RECORDS FOR THIS EXERCISE:
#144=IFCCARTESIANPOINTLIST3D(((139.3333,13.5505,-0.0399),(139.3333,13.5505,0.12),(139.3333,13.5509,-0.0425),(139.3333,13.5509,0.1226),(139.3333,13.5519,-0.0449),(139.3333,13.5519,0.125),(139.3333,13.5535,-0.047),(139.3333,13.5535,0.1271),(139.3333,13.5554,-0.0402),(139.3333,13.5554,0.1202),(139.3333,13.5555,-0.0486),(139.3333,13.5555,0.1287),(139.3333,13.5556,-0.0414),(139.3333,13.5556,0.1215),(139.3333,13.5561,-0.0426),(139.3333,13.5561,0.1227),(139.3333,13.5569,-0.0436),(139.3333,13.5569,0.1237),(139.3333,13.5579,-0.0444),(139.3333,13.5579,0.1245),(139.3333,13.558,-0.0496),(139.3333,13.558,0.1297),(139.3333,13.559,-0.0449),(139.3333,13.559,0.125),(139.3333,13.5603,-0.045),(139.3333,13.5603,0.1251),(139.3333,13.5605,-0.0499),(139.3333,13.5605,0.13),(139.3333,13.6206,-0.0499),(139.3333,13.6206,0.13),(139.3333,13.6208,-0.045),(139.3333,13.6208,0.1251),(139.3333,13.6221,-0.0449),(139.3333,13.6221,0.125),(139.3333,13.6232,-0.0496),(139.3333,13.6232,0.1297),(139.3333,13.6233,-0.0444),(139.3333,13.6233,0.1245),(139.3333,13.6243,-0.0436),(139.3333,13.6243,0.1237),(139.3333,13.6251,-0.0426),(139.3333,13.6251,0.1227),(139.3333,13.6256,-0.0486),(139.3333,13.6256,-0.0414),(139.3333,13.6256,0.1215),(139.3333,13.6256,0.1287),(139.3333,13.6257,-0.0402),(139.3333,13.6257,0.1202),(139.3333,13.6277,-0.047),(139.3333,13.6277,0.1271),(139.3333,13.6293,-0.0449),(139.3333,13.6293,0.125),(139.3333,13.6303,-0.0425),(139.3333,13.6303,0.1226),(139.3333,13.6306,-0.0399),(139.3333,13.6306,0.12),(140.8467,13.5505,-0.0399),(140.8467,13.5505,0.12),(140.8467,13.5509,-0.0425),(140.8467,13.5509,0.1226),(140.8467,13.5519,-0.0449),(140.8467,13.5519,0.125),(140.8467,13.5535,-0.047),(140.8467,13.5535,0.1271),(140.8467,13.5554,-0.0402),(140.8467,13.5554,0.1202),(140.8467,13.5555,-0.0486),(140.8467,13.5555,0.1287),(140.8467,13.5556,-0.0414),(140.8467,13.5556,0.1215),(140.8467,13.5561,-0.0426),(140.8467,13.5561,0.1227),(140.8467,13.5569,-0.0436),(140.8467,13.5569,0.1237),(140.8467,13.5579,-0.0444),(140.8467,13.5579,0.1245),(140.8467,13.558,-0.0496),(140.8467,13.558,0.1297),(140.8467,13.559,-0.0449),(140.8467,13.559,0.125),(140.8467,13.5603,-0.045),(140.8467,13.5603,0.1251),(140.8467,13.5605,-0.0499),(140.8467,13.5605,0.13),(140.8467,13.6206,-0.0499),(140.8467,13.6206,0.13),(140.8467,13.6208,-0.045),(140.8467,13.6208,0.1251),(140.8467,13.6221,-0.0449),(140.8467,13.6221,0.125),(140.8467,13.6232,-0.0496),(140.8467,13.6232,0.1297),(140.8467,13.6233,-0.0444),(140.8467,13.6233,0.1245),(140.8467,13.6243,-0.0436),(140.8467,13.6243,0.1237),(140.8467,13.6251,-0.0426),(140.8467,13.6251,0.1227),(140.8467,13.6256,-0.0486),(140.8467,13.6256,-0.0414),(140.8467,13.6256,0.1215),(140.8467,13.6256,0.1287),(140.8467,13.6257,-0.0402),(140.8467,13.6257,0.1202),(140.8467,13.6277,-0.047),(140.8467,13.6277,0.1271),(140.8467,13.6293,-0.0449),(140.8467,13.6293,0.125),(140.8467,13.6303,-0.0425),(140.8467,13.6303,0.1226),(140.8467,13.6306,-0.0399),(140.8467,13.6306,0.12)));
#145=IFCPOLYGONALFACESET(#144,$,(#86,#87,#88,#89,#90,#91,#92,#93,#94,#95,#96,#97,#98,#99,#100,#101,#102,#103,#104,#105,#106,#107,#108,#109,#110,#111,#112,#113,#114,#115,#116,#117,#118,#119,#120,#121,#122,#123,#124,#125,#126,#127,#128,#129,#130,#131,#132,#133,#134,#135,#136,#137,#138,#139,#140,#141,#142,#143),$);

...

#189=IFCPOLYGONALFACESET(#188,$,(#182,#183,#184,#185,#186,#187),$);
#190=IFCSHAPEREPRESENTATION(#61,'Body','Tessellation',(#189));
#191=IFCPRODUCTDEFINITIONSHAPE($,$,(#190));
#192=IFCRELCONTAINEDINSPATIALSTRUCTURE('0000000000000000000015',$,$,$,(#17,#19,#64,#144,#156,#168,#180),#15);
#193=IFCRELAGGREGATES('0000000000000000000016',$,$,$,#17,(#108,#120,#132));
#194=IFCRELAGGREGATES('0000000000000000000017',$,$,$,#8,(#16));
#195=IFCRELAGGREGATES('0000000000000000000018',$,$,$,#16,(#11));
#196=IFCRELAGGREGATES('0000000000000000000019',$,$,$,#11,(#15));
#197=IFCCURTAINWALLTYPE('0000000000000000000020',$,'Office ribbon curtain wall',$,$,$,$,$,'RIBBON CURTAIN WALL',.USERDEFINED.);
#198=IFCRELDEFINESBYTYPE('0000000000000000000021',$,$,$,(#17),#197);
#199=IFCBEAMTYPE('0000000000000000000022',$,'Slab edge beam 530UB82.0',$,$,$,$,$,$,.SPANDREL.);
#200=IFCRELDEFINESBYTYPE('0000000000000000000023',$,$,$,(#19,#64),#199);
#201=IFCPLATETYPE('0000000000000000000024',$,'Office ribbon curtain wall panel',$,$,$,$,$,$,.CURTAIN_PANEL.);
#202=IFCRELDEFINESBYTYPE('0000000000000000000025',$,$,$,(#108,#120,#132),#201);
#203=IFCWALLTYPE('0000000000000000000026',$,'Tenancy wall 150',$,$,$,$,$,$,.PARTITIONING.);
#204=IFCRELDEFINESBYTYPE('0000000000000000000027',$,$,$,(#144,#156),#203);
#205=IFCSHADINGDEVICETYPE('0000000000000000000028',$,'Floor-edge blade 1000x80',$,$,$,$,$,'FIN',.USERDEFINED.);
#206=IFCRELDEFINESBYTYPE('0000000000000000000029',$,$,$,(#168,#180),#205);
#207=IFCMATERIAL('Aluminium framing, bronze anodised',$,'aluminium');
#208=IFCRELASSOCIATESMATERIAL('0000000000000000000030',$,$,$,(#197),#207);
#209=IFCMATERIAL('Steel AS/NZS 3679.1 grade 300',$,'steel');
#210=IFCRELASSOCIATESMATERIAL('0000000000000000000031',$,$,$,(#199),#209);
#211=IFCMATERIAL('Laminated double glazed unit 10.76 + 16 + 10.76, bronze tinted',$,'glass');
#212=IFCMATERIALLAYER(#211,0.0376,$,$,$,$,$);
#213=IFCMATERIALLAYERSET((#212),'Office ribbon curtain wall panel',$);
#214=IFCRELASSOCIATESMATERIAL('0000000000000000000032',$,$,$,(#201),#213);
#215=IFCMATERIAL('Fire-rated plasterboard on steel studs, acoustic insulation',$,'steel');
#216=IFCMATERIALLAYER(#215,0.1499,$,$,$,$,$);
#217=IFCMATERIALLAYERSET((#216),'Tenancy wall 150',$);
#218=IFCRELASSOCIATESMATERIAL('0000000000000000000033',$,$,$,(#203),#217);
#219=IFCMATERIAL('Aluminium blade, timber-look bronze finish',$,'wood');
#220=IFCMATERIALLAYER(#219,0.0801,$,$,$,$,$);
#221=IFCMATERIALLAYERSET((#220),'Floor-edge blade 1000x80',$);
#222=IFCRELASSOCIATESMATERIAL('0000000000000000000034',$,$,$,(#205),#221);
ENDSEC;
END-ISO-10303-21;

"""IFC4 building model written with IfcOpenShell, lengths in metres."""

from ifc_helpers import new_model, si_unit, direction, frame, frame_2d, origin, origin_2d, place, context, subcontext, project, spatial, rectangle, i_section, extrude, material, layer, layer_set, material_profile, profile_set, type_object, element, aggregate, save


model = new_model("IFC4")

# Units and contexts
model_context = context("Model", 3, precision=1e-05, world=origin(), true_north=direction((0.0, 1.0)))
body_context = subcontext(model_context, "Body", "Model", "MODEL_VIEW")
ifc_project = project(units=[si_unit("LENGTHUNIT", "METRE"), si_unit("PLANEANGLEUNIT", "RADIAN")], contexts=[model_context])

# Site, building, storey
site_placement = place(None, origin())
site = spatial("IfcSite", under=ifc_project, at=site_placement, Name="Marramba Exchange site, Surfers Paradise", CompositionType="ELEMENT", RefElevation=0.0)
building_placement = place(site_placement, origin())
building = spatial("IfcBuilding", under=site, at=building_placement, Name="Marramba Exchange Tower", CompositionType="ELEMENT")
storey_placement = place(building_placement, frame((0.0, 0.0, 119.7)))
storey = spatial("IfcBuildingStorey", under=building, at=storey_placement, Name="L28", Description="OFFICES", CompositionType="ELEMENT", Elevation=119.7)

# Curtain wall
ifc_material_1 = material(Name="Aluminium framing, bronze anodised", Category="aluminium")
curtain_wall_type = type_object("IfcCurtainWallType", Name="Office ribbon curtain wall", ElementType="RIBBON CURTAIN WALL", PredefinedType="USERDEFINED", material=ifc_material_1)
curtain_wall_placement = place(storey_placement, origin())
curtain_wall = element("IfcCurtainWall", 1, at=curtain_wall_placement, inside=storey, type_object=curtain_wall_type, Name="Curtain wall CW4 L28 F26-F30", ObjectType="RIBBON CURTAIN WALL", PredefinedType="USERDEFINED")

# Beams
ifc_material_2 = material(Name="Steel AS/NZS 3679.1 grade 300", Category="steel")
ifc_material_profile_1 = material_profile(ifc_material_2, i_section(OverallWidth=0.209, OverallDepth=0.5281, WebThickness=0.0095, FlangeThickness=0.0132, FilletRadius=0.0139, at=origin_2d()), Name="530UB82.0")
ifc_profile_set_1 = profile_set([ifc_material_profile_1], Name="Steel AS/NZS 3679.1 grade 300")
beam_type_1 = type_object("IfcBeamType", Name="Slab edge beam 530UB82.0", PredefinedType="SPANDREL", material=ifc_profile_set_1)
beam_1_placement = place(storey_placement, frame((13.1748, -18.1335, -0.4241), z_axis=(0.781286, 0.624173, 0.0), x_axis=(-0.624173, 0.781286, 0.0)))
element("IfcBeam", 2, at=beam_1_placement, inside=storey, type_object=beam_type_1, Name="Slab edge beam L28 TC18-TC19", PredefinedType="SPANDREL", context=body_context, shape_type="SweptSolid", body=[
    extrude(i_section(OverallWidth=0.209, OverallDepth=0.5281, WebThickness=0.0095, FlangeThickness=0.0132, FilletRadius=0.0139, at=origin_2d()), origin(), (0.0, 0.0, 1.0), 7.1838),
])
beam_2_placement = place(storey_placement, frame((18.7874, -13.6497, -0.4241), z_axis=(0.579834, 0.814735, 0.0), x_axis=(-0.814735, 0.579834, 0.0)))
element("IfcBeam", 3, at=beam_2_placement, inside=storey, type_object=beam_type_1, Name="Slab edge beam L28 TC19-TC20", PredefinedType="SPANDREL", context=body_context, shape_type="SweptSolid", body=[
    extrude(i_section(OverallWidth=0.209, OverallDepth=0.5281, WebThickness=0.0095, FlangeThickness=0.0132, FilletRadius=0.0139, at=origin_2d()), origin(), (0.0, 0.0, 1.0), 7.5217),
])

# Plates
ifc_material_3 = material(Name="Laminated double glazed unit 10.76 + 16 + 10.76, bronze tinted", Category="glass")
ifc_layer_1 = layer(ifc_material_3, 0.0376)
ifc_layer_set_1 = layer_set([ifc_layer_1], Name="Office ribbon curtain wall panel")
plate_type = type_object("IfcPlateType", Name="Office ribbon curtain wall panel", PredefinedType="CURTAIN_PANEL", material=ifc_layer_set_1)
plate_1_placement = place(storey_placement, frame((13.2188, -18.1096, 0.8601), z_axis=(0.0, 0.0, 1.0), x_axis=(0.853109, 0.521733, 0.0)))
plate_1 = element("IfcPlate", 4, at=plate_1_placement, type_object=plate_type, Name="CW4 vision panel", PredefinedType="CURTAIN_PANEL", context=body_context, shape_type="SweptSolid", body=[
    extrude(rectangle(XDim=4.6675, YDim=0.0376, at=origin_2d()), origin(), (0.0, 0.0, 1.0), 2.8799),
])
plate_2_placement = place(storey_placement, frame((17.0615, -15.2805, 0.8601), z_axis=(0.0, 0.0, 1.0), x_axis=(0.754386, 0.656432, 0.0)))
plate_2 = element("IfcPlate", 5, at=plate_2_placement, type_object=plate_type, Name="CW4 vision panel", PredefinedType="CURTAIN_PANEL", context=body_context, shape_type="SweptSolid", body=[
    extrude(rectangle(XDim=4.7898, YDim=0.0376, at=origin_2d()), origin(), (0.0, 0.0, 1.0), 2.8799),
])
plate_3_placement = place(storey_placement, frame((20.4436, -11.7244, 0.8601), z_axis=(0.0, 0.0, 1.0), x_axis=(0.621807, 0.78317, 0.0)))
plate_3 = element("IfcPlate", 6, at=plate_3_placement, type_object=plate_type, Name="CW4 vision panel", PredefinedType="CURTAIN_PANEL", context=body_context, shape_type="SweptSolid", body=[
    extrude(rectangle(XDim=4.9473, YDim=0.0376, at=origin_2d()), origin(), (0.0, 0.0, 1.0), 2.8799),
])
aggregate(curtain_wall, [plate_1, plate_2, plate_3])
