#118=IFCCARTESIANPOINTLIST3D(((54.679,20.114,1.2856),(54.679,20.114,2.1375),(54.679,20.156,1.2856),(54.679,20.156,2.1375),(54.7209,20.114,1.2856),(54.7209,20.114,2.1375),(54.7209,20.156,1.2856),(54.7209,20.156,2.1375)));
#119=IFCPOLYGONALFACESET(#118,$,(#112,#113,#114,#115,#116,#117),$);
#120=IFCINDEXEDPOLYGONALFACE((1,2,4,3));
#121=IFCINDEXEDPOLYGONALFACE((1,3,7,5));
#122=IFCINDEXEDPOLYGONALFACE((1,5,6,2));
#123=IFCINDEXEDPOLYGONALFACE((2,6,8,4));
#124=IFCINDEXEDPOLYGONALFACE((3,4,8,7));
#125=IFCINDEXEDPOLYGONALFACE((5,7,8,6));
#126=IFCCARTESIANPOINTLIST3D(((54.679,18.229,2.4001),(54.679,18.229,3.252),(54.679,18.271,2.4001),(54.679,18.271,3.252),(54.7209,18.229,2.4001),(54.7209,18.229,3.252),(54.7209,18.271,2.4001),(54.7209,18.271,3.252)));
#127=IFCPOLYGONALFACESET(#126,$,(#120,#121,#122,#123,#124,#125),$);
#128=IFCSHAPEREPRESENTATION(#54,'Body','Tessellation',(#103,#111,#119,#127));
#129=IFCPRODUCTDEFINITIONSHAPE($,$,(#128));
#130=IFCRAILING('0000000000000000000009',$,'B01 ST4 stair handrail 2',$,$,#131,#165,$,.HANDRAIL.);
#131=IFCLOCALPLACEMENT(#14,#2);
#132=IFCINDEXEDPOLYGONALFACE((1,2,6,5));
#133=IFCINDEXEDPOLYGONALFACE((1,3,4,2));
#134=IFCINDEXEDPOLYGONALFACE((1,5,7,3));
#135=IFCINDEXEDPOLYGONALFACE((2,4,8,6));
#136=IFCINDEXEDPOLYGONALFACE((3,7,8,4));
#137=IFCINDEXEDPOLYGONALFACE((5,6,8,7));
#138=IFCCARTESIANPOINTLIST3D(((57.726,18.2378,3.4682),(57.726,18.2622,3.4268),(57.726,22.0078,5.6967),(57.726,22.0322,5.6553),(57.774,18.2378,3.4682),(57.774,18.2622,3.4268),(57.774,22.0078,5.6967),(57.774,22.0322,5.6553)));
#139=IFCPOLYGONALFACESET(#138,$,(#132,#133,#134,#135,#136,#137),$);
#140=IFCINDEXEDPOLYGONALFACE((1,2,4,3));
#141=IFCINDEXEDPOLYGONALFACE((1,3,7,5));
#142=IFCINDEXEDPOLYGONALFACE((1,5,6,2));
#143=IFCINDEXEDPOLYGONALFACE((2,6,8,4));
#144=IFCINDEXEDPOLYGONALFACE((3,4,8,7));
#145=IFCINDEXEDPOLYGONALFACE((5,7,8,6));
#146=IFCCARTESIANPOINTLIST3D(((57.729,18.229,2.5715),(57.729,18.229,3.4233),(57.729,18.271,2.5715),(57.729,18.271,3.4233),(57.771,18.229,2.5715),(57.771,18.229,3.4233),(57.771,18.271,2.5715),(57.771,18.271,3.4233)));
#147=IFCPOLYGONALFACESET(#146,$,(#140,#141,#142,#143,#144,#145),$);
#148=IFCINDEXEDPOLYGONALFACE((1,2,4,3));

---

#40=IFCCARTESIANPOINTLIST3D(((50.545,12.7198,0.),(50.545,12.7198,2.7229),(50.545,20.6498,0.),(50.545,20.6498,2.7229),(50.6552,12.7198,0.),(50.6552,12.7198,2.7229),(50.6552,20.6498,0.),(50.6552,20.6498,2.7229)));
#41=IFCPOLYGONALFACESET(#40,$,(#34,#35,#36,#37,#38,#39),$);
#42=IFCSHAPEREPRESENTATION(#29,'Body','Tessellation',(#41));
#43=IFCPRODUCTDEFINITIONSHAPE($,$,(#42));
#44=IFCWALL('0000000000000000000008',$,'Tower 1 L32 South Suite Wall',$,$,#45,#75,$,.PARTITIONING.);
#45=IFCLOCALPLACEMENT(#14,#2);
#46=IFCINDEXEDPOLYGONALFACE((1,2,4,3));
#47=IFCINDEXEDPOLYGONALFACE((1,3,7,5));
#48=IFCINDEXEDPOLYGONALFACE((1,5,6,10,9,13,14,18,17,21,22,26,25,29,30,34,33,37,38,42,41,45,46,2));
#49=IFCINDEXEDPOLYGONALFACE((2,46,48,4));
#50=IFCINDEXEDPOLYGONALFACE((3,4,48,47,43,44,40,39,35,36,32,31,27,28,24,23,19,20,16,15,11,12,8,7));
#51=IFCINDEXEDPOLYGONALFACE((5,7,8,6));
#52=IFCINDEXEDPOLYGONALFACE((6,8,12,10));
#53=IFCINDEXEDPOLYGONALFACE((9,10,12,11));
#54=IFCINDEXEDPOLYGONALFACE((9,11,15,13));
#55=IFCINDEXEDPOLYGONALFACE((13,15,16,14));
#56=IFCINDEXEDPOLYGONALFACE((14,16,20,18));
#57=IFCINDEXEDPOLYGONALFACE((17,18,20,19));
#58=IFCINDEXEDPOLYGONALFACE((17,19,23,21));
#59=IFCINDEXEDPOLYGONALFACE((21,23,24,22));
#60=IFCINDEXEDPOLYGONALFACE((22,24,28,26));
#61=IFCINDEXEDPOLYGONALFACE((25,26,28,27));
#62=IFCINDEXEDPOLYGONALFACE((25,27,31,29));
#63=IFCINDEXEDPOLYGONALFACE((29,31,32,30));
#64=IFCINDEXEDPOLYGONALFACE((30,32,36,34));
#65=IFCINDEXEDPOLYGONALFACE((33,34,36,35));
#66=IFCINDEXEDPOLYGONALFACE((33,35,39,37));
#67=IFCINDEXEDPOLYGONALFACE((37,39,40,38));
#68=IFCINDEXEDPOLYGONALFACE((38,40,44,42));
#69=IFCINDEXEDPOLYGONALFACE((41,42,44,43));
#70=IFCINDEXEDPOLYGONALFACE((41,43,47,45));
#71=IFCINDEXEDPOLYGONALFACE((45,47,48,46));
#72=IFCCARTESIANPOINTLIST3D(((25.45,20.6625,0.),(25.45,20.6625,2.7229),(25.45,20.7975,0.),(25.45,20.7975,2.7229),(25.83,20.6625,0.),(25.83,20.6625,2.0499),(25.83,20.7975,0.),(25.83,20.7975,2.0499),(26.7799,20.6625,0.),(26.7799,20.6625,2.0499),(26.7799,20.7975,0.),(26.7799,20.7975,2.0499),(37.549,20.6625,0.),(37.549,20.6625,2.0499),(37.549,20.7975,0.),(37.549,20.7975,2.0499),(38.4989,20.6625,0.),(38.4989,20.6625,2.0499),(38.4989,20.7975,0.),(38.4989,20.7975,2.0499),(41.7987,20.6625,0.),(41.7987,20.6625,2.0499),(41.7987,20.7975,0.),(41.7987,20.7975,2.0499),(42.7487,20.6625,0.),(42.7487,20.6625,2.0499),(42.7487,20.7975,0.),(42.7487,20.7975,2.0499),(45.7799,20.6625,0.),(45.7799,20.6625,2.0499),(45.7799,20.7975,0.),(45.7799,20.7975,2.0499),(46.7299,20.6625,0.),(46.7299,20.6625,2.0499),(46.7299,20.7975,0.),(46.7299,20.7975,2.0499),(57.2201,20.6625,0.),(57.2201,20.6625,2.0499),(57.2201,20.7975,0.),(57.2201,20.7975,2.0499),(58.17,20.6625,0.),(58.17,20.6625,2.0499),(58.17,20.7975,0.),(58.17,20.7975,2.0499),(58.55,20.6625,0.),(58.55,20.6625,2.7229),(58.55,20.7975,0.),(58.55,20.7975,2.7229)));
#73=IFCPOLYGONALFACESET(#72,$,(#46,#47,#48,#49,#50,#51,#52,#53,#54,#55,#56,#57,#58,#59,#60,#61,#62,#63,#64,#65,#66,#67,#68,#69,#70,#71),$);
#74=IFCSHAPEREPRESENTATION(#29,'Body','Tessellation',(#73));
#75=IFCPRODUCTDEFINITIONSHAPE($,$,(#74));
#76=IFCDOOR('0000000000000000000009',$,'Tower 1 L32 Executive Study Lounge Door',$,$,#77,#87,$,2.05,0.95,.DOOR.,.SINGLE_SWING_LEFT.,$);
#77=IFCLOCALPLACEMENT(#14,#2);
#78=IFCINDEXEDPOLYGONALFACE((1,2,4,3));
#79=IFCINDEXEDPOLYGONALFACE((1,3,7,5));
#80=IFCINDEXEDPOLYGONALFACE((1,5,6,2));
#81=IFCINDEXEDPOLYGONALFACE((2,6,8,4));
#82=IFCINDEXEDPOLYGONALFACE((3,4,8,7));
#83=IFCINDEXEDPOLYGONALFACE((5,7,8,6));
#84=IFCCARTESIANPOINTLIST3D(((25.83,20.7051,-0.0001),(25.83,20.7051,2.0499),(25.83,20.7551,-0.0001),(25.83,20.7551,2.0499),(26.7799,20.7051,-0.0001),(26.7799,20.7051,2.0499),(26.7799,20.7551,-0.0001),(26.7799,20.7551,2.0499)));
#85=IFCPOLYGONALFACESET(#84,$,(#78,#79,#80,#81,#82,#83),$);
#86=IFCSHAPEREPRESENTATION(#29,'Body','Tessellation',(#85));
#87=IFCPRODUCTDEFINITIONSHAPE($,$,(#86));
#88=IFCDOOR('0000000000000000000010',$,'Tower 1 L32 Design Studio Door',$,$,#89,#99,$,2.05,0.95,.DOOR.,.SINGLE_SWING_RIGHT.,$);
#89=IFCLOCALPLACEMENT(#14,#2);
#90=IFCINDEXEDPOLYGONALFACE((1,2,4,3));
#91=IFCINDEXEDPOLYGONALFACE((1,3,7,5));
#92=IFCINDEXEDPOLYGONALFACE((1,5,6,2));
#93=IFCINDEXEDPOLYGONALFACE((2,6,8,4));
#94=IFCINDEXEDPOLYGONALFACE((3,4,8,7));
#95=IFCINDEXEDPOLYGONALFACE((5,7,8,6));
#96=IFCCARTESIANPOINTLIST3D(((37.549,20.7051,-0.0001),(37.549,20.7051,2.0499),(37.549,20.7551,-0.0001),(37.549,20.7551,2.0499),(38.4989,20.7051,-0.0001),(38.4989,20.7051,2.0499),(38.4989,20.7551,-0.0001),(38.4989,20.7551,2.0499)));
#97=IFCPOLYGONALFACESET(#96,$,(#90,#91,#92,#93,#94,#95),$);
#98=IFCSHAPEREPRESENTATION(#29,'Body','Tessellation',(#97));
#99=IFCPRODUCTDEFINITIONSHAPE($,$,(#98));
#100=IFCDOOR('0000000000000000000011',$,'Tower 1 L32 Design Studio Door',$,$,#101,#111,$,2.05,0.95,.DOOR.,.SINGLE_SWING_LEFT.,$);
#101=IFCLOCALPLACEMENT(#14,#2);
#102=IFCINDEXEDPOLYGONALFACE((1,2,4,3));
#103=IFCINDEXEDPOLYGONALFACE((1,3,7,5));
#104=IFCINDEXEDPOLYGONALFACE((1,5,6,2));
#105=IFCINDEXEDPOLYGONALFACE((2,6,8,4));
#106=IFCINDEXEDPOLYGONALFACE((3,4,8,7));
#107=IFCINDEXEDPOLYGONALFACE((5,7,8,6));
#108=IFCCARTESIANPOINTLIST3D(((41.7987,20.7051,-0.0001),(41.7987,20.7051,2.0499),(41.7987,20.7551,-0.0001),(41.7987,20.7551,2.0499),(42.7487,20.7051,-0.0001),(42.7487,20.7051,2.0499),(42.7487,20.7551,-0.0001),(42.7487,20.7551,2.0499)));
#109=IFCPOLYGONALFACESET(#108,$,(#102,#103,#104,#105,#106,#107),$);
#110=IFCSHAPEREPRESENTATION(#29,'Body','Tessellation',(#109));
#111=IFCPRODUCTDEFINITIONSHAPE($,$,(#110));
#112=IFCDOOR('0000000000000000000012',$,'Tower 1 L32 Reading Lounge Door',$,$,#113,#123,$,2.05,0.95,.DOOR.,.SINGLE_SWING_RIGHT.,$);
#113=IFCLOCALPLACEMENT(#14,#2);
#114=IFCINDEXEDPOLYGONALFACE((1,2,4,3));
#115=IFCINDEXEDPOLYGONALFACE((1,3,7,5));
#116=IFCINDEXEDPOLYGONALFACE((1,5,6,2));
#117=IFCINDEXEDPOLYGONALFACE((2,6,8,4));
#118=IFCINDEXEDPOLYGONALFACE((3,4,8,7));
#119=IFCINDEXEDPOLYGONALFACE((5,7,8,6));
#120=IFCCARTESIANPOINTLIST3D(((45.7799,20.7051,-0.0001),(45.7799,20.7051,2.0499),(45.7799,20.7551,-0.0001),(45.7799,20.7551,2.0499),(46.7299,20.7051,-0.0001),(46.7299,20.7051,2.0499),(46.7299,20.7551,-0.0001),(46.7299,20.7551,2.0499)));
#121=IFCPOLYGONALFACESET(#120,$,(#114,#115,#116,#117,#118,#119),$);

EXERCISE: A verbatim transcription is needed of the lines above, starting at the line with "#76=IFCDOOR('0000000000000000000009',$,'Tower 1 L32" and ending at the line with "#83=IFCINDEXEDPOLYGONALFACE((5,7,8,6));", both included, and of nothing else.

RESPONSE AREA:
#76=IFCDOOR('0000000000000000000009',$,'Tower 1 L32 Executive Study Lounge Door',$,$,#77,#87,$,2.05,0.95,.DOOR.,.SINGLE_SWING_LEFT.,$);
#77=IFCLOCALPLACEMENT(#14,#2);
#78=IFCINDEXEDPOLYGONALFACE((1,2,4,3));
#79=IFCINDEXEDPOLYGONALFACE((1,3,7,5));
#80=IFCINDEXEDPOLYGONALFACE((1,5,6,2));
#81=IFCINDEXEDPOLYGONALFACE((2,6,8,4));
#82=IFCINDEXEDPOLYGONALFACE((3,4,8,7));
#83=IFCINDEXEDPOLYGONALFACE((5,7,8,6));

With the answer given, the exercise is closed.